== Aim of the exercise ==
Whenever the word "ObjectPlacement" turns up in a line below, that line should be copied.

== Stored data ==
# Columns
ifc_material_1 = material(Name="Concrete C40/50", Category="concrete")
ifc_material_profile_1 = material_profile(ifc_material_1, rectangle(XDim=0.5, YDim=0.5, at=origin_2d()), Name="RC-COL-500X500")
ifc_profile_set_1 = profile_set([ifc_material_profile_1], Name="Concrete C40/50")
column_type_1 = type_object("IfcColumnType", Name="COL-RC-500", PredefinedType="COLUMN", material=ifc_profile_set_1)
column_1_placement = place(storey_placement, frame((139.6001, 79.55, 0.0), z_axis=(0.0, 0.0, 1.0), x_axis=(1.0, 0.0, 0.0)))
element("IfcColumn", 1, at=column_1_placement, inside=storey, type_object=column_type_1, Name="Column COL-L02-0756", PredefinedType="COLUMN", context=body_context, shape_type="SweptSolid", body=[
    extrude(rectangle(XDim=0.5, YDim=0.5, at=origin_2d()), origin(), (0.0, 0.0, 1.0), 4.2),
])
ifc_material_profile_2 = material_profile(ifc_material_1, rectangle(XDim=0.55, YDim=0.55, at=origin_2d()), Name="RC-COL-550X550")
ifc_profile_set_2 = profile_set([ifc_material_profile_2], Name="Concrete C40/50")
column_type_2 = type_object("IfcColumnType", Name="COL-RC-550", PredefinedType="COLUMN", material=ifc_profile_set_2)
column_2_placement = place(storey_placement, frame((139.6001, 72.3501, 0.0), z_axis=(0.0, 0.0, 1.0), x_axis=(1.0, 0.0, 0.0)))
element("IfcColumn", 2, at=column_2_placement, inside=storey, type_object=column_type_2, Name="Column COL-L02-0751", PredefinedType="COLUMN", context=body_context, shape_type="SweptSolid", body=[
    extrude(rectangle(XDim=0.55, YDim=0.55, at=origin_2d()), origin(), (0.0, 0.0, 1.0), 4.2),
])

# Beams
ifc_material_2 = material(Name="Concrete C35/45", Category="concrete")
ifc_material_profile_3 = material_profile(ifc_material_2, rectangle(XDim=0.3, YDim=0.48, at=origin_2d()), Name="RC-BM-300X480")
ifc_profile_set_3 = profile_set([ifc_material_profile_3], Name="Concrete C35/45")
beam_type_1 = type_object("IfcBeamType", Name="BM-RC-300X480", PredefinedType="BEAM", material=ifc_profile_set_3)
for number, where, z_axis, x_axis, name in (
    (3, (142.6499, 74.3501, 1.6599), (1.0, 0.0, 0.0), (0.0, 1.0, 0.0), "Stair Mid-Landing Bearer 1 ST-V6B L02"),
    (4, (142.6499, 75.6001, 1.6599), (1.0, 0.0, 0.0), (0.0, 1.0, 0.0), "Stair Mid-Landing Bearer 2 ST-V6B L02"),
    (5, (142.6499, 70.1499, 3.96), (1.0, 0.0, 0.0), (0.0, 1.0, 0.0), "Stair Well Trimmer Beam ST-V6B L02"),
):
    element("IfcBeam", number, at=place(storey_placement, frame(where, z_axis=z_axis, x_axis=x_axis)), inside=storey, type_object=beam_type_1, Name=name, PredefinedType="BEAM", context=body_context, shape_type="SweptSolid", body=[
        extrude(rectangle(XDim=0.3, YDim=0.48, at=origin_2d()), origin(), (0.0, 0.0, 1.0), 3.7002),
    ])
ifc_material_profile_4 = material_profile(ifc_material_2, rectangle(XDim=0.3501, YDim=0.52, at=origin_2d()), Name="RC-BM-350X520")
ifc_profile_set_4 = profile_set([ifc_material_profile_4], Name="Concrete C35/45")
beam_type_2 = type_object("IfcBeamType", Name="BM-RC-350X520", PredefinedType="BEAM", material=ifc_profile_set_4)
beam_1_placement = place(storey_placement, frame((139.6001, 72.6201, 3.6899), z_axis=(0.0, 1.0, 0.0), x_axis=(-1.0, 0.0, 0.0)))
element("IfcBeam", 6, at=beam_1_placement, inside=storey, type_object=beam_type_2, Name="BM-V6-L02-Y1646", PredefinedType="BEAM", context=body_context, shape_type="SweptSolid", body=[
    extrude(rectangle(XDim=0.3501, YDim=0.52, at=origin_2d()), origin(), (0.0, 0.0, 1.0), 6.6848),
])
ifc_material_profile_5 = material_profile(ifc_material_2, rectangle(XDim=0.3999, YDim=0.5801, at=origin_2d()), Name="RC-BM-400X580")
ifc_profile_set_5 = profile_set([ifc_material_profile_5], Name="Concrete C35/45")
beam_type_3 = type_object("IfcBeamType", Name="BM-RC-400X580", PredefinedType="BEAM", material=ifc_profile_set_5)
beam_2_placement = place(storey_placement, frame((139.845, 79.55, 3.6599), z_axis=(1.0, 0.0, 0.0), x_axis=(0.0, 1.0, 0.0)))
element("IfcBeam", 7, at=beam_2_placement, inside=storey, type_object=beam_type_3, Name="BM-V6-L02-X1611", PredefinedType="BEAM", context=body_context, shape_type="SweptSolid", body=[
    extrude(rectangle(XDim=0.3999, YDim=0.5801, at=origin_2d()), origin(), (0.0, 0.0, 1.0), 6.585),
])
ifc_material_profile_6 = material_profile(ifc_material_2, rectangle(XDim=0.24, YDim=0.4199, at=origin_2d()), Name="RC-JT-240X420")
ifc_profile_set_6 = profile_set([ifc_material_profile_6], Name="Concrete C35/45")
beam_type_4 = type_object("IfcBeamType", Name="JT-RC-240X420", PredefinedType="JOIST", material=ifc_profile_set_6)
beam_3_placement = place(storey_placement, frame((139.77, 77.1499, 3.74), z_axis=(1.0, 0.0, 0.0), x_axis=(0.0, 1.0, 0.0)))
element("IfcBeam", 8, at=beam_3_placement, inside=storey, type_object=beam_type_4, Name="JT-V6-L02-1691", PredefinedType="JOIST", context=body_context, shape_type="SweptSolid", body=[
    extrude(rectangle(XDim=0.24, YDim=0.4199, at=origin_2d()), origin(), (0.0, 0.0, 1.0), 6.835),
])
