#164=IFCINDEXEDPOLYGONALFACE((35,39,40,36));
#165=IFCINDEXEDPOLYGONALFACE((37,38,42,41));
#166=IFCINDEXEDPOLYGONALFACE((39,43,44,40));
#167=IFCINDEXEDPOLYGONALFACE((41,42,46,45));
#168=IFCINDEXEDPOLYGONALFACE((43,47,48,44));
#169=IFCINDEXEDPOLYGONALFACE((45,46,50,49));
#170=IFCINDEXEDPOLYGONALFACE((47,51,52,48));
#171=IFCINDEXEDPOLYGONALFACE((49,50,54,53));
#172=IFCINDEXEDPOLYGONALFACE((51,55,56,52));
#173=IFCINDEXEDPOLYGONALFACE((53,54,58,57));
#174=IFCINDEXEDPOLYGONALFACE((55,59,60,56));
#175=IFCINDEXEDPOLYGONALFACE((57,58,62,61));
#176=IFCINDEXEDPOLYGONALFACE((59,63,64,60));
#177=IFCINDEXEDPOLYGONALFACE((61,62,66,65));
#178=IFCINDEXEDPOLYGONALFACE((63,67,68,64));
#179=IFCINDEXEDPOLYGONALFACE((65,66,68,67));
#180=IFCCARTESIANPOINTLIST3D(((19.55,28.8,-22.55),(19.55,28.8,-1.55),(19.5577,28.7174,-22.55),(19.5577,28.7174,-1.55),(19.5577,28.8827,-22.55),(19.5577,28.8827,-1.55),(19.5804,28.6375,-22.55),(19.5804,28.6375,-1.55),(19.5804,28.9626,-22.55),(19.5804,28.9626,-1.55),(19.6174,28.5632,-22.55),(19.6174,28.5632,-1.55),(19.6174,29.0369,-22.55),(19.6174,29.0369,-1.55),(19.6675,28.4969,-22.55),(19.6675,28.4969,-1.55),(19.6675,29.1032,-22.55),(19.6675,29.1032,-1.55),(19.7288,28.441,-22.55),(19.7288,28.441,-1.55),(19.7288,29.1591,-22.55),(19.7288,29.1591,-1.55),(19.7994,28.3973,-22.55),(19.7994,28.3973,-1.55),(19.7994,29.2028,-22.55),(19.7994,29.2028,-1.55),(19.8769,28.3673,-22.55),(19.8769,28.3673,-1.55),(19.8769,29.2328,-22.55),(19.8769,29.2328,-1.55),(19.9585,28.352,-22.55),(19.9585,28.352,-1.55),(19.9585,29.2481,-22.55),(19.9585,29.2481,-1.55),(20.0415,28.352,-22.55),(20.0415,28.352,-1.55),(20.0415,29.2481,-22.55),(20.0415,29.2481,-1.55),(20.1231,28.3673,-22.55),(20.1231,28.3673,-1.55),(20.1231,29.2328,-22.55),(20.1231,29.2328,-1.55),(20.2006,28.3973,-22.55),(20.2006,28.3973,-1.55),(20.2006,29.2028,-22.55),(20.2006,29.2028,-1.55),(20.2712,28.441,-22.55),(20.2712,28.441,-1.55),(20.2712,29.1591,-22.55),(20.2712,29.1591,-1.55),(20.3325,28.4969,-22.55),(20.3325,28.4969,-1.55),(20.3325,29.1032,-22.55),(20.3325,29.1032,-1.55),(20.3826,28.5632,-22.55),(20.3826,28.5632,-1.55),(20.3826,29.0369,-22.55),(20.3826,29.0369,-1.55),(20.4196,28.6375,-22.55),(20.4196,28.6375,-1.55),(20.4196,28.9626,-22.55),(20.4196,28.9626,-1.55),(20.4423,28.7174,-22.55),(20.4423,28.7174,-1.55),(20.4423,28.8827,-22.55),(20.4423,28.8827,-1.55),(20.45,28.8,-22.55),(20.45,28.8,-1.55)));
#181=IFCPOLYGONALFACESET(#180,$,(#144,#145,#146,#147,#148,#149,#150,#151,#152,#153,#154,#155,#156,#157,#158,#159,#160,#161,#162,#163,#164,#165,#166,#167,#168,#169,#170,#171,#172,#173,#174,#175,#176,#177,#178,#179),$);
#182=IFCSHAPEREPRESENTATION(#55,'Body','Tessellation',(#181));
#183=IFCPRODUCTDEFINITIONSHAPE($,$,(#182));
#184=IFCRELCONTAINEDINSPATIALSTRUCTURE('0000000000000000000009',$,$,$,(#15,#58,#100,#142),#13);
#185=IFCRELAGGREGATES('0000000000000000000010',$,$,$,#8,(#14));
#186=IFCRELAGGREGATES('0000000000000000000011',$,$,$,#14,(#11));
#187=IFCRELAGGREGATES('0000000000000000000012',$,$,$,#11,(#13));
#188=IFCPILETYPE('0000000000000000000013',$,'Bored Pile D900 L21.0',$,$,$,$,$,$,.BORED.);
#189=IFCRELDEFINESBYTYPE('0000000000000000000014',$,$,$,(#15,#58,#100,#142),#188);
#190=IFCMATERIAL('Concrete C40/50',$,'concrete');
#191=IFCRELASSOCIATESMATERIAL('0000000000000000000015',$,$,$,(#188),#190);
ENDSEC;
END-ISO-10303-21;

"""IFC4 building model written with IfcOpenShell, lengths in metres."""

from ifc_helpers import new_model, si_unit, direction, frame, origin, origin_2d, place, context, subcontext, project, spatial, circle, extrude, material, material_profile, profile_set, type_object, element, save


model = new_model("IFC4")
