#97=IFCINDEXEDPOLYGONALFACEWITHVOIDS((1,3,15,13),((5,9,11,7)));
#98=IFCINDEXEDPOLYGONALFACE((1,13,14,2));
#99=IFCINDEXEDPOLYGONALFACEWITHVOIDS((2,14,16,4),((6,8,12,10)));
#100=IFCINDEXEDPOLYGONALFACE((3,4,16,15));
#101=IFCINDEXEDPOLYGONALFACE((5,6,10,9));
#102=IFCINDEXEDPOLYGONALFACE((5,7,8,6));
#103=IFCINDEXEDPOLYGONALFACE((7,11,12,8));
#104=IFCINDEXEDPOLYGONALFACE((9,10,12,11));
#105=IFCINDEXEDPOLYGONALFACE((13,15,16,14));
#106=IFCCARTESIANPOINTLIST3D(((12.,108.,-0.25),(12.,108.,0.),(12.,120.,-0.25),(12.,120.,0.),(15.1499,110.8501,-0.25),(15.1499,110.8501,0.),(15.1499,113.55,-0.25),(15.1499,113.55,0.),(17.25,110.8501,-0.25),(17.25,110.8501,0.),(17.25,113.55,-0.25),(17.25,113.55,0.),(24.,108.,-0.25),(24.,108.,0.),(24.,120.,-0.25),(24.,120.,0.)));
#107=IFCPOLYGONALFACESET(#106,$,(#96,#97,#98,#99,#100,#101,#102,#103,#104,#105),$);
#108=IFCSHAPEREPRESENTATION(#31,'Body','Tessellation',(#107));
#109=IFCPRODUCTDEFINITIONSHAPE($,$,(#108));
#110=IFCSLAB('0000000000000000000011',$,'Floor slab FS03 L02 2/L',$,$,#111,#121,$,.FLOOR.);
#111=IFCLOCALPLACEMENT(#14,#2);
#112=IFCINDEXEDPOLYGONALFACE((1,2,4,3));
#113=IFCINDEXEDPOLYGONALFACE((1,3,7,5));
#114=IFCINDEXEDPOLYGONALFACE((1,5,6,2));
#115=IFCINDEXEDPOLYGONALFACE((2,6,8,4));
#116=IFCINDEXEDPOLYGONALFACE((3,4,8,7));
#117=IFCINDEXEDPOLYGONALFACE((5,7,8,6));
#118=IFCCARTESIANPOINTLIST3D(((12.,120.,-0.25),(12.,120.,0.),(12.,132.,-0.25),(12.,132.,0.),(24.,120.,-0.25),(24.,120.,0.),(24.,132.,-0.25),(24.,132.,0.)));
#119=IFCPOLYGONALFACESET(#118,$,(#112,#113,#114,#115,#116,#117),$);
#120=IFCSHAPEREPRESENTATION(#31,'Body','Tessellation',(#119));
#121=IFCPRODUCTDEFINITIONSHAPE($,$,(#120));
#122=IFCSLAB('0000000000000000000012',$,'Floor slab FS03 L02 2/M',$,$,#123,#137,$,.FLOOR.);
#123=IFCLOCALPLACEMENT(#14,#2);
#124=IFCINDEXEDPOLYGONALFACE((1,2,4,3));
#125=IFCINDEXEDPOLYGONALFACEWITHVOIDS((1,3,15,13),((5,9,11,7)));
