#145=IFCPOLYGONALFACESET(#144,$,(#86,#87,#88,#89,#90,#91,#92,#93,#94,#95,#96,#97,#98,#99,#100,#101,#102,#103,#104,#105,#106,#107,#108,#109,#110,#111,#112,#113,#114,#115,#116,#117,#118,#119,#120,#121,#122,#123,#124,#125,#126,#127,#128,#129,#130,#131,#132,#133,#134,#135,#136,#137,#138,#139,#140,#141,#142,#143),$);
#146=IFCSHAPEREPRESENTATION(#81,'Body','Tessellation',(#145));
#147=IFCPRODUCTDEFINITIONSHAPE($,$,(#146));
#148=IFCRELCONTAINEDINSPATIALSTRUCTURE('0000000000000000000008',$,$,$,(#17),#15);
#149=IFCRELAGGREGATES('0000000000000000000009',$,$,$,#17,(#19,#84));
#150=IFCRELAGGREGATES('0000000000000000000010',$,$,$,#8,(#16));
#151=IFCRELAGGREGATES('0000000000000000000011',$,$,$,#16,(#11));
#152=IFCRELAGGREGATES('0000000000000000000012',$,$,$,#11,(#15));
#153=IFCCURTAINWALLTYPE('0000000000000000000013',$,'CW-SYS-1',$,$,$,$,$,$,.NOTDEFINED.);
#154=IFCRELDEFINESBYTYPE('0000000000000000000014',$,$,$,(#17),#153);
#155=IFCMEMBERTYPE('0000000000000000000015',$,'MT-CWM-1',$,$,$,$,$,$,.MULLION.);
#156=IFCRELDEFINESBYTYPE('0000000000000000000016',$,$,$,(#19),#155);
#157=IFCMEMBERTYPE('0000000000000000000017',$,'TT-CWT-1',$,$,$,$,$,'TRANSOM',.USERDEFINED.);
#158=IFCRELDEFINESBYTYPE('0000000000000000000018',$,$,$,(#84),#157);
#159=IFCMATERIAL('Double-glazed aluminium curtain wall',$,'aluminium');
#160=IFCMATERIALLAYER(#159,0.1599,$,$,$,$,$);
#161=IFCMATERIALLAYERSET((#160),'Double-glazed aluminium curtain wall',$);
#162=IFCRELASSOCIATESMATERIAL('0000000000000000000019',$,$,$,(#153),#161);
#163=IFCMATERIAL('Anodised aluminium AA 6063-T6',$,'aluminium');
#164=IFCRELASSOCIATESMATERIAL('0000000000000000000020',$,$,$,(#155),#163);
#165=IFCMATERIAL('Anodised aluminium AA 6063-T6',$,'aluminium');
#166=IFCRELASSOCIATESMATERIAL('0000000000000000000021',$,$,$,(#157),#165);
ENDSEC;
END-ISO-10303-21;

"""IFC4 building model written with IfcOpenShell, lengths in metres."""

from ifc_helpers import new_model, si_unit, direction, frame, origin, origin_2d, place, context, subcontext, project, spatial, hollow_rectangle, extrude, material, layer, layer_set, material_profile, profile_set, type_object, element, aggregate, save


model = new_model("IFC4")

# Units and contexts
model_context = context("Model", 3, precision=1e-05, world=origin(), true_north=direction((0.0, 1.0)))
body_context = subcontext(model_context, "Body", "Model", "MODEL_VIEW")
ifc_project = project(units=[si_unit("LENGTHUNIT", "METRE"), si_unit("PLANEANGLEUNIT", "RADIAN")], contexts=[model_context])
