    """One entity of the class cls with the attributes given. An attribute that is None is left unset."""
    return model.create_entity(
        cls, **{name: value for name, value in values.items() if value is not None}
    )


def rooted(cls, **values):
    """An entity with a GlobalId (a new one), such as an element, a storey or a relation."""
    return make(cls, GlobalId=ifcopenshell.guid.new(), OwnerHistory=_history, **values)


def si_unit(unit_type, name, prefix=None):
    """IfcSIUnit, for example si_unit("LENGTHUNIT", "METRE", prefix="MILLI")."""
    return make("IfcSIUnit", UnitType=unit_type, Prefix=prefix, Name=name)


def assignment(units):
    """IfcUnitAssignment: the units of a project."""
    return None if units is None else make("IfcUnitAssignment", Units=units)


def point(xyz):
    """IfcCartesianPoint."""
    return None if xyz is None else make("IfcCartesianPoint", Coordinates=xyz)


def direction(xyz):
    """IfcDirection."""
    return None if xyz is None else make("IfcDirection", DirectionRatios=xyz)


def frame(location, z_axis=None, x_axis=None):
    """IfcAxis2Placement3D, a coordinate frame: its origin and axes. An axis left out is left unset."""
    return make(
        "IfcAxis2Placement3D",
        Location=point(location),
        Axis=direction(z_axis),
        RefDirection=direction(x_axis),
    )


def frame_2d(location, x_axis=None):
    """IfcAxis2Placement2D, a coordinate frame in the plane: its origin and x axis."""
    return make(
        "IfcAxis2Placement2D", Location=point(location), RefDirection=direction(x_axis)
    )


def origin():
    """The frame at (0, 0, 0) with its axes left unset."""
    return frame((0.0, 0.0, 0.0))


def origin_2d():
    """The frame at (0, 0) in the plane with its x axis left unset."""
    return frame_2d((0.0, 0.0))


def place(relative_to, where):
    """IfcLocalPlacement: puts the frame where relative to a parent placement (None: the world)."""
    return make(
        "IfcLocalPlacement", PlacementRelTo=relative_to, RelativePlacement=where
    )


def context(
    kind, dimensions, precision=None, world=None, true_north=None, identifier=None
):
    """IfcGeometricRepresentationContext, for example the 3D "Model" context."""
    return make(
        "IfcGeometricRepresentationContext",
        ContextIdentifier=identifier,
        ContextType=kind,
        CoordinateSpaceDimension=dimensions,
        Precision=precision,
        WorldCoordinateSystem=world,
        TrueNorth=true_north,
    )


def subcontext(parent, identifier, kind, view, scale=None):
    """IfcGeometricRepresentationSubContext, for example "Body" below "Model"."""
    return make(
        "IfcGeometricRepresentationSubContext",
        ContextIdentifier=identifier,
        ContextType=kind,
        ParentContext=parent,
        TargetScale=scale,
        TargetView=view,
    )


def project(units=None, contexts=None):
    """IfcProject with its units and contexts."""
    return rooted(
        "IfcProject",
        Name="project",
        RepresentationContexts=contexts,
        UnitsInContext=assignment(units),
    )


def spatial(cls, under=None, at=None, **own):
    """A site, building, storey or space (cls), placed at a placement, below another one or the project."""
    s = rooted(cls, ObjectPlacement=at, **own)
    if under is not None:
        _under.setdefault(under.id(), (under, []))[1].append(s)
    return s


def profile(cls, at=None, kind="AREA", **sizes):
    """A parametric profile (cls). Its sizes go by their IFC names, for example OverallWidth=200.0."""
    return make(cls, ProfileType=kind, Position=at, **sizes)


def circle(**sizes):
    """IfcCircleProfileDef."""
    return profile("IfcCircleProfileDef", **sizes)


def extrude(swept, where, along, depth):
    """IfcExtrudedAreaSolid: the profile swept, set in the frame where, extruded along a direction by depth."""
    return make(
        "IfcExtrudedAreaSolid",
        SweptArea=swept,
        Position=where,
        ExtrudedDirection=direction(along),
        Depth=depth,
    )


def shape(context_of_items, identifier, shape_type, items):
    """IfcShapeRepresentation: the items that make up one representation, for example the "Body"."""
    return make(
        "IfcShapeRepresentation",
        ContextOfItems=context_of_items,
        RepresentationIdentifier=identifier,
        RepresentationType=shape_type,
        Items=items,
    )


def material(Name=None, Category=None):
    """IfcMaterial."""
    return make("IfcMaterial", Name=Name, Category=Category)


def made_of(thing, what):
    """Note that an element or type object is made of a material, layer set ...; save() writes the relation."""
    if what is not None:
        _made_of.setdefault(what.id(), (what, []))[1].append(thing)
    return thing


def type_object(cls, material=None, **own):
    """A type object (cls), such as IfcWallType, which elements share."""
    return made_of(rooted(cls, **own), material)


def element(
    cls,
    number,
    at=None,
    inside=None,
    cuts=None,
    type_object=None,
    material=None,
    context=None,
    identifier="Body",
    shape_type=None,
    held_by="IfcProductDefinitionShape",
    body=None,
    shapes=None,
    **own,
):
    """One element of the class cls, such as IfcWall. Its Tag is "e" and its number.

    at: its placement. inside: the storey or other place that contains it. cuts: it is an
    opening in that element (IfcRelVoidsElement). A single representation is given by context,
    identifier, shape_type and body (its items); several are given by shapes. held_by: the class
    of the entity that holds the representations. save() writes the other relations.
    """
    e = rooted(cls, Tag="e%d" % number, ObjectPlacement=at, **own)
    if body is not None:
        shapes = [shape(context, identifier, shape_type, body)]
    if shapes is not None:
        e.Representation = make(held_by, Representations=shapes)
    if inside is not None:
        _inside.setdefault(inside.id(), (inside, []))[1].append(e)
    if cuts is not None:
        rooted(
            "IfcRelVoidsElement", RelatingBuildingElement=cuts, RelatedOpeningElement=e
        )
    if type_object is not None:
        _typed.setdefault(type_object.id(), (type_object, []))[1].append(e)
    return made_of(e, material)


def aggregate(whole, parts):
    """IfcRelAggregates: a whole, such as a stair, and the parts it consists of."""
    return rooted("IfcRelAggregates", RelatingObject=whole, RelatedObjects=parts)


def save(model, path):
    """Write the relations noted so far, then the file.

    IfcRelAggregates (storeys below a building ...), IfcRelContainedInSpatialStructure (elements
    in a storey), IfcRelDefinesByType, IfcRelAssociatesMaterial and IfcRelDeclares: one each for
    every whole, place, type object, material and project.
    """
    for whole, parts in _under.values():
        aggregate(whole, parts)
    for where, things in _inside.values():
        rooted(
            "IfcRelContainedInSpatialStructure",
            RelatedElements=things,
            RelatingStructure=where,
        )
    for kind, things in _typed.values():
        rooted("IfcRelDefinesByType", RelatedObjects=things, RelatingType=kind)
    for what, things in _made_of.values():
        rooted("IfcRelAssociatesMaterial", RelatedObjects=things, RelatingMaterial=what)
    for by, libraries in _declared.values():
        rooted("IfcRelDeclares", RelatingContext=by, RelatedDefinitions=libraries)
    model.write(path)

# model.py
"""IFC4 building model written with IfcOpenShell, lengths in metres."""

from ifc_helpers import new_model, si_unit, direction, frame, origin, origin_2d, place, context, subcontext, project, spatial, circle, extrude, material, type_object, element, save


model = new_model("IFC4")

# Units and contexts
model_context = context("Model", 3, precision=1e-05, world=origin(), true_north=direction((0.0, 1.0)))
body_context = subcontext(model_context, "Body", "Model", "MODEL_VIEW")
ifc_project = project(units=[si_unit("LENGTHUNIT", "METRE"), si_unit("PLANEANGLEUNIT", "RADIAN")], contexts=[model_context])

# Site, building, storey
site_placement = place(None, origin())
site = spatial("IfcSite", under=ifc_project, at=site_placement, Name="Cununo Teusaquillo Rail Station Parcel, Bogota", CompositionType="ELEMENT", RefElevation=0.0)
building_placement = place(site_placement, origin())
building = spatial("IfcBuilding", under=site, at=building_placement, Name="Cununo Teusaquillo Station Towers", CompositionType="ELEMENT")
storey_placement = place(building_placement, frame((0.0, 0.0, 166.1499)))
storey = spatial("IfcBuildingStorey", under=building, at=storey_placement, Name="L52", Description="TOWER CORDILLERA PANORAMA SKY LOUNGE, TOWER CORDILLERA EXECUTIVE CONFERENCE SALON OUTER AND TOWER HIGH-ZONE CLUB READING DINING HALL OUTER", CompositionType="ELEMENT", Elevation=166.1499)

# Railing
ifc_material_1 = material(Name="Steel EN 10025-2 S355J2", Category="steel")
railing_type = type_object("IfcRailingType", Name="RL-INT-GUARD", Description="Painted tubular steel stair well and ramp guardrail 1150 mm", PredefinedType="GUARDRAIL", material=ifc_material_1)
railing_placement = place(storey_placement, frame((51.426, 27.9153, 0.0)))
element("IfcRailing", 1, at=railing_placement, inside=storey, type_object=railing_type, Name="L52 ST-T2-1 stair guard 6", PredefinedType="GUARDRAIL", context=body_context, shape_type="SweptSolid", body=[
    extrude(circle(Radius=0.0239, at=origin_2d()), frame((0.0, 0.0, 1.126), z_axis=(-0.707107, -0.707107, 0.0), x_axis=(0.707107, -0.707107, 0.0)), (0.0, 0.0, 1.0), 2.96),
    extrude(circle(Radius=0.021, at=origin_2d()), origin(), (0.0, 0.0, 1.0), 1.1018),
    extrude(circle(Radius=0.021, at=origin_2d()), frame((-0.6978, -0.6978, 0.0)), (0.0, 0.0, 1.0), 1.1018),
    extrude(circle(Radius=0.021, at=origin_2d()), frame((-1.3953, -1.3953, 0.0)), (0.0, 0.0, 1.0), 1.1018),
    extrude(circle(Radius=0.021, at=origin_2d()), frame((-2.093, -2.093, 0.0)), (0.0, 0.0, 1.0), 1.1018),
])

== Task result ==
    s = rooted(cls, ObjectPlacement=at, **own)
    e = rooted(cls, Tag="e%d" % number, ObjectPlacement=at, **own)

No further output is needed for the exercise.